Exercise data START
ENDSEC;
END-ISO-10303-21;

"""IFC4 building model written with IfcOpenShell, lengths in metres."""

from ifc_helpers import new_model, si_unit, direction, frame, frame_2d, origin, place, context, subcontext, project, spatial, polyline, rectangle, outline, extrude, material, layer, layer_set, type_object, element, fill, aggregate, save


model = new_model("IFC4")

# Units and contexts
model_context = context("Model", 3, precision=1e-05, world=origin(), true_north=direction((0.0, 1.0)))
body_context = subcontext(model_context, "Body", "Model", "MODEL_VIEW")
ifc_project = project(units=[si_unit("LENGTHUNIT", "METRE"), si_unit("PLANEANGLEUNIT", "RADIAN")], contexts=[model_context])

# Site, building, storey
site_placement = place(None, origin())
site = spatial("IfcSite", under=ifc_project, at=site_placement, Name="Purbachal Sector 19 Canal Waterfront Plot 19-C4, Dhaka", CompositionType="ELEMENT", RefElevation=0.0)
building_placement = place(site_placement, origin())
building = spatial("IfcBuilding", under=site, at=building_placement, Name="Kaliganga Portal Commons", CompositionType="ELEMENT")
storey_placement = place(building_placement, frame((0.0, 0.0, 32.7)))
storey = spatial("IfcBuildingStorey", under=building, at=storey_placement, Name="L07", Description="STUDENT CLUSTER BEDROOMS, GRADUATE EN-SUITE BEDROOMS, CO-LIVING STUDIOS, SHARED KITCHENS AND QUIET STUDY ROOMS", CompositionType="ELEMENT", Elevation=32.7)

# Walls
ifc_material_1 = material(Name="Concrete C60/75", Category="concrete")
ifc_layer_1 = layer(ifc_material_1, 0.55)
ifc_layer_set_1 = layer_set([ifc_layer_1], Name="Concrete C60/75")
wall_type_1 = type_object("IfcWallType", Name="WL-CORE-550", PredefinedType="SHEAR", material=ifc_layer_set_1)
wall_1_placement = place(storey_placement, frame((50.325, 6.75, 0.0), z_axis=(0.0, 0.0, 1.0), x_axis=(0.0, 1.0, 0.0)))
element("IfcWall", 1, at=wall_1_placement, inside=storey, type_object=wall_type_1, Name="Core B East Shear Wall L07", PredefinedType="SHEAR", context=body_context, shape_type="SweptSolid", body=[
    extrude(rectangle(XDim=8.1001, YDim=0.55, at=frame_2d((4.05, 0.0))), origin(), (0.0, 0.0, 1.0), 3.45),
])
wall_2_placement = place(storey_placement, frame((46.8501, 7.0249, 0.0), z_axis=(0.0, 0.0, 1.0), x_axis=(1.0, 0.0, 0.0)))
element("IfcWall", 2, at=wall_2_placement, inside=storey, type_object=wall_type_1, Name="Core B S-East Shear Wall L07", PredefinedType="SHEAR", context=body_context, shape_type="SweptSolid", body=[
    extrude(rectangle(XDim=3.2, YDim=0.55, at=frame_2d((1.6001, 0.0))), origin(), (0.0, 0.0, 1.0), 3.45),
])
Exercise data END
#### [About this exercise]
Restate the listing exactly, starting at its first line and ending at the line where "building_placement = place(site_placement, origin())" occurs; include both and no other lines.

#### [Answer space]
ENDSEC;
END-ISO-10303-21;

"""IFC4 building model written with IfcOpenShell, lengths in metres."""

from ifc_helpers import new_model, si_unit, direction, frame, frame_2d, origin, place, context, subcontext, project, spatial, polyline, rectangle, outline, extrude, material, layer, layer_set, type_object, element, fill, aggregate, save


model = new_model("IFC4")

# Units and contexts
model_context = context("Model", 3, precision=1e-05, world=origin(), true_north=direction((0.0, 1.0)))
body_context = subcontext(model_context, "Body", "Model", "MODEL_VIEW")
ifc_project = project(units=[si_unit("LENGTHUNIT", "METRE"), si_unit("PLANEANGLEUNIT", "RADIAN")], contexts=[model_context])

# Site, building, storey
site_placement = place(None, origin())
site = spatial("IfcSite", under=ifc_project, at=site_placement, Name="Purbachal Sector 19 Canal Waterfront Plot 19-C4, Dhaka", CompositionType="ELEMENT", RefElevation=0.0)
building_placement = place(site_placement, origin())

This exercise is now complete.